Exercise details:
Whenever a line in the entries below contains "IFCLOCALPLACEMENT", copy that line.
Material supplied Start Marker
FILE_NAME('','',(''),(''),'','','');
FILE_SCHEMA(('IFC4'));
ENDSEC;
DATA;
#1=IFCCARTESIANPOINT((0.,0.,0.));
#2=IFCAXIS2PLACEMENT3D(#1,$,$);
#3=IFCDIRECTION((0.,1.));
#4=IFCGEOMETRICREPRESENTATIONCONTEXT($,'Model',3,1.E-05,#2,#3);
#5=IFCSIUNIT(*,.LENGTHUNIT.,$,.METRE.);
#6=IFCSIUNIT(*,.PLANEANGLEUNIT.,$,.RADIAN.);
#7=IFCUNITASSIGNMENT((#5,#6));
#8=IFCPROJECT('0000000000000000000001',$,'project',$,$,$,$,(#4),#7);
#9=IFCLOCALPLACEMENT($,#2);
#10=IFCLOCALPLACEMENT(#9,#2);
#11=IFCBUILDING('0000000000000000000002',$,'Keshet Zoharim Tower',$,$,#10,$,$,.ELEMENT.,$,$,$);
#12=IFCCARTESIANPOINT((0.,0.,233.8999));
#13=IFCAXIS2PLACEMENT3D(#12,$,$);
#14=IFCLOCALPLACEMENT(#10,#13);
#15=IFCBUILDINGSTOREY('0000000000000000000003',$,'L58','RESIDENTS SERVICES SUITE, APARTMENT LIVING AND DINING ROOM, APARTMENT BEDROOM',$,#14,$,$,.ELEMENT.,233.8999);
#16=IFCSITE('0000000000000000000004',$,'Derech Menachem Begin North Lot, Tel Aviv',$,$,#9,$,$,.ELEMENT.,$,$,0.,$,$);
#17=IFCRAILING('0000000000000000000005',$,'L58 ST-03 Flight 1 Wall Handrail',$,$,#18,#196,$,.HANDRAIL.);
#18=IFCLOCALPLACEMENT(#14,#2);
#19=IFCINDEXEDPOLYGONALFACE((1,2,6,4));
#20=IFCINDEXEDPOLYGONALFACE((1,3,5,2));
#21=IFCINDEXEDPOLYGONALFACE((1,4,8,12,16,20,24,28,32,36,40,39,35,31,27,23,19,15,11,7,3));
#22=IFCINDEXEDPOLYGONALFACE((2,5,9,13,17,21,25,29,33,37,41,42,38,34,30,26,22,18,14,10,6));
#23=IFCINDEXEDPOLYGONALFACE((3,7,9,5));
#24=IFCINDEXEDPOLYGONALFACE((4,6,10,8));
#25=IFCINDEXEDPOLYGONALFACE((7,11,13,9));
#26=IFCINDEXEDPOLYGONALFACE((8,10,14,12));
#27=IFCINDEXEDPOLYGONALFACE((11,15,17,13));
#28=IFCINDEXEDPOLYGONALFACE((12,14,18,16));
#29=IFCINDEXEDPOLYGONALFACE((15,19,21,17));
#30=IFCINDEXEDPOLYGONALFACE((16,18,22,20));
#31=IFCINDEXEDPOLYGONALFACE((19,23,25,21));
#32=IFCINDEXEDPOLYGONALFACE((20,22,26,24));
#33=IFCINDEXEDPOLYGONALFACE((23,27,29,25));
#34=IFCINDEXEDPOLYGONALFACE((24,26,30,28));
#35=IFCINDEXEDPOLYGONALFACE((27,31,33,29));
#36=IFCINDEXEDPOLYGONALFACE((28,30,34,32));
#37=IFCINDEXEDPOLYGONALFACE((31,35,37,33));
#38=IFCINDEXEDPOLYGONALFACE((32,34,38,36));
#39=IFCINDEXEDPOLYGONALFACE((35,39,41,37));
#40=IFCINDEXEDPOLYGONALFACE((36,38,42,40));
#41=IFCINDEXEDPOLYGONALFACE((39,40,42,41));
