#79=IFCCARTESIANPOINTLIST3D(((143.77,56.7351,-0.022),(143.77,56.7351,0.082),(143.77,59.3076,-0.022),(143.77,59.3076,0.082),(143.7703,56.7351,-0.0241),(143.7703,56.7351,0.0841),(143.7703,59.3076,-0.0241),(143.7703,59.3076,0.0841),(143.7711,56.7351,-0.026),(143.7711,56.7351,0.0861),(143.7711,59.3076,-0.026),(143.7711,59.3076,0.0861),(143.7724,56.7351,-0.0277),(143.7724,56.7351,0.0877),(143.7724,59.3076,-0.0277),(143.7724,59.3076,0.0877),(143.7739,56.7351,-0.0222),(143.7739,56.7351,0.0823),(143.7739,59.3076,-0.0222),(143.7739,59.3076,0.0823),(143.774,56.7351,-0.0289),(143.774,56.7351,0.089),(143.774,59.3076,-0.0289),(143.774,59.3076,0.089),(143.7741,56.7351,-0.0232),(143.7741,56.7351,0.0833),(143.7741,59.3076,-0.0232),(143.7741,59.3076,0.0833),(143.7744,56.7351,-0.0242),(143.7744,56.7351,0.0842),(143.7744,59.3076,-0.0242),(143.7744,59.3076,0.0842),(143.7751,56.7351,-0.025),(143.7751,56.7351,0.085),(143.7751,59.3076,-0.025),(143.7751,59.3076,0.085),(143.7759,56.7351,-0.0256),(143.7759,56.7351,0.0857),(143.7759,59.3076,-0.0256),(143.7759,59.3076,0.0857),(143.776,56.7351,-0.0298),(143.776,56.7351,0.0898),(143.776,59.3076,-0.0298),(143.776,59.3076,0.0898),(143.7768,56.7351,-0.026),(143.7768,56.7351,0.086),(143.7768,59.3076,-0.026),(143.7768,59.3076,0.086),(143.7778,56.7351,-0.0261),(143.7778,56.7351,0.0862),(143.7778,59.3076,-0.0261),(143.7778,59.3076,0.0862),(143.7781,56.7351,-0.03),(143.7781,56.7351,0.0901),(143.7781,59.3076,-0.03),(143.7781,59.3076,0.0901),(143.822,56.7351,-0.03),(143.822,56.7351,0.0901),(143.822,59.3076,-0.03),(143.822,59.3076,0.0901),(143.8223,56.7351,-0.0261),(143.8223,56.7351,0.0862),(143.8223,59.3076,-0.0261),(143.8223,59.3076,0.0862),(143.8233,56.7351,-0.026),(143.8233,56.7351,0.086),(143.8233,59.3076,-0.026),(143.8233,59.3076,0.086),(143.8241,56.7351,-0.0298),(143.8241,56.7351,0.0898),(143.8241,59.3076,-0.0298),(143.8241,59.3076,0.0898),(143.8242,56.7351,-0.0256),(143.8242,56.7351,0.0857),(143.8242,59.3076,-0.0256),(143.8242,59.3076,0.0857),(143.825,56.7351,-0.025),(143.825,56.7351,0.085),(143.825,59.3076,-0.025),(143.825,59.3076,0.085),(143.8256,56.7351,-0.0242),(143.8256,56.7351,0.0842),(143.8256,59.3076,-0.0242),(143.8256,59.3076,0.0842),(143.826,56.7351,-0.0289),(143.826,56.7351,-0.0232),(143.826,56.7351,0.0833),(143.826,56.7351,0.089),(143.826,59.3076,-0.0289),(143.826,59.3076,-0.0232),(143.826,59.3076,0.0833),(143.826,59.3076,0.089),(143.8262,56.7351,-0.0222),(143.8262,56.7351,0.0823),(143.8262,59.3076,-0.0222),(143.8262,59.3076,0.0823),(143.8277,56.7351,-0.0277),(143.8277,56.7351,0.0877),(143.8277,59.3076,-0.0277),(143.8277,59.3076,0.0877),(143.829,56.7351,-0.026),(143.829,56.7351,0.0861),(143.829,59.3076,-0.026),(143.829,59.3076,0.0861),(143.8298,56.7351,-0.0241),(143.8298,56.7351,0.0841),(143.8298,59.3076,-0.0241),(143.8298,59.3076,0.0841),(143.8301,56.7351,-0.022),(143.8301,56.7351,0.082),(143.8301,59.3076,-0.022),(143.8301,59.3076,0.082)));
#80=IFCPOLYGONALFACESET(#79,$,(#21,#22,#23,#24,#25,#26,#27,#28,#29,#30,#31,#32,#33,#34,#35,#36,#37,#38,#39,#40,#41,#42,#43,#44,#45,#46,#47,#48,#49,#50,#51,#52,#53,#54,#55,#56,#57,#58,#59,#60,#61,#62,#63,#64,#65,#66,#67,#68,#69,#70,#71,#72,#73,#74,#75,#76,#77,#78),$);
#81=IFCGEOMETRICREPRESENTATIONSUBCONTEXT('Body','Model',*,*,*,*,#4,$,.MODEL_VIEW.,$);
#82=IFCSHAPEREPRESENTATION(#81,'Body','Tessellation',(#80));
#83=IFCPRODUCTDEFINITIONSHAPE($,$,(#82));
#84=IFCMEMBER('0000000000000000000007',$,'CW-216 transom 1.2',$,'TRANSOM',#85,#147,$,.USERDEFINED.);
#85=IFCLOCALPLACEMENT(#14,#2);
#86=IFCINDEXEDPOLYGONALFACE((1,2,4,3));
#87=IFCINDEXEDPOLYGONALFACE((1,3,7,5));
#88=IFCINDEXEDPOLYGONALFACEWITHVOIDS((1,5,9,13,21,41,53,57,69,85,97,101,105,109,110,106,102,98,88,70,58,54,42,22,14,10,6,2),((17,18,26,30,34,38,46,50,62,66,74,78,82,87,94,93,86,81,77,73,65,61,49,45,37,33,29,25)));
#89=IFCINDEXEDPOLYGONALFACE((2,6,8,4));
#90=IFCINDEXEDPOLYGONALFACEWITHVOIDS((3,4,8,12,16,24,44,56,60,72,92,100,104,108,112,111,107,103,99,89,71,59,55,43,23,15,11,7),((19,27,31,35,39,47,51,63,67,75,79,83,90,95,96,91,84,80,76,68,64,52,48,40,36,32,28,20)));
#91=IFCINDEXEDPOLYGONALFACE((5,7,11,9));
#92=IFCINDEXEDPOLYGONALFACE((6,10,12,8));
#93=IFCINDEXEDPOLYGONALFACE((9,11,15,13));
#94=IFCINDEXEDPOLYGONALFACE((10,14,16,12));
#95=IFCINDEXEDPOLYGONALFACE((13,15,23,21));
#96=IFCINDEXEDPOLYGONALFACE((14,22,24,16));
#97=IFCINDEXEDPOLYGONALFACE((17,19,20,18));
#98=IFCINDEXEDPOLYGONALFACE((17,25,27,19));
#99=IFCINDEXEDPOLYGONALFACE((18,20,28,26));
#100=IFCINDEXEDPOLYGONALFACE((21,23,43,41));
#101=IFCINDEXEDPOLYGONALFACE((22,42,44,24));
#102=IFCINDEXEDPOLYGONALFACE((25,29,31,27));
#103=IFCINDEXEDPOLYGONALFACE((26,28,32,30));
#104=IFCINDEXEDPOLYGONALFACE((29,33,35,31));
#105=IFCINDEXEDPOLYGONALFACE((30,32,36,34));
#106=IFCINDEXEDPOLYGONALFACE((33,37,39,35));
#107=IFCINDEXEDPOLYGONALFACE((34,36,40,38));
Material supplied End Marker
Response to this task:
#9=IFCLOCALPLACEMENT($,#2);
#10=IFCLOCALPLACEMENT(#9,#2);
#14=IFCLOCALPLACEMENT(#10,#13);
#18=IFCLOCALPLACEMENT(#14,#2);
#85=IFCLOCALPLACEMENT(#14,#2);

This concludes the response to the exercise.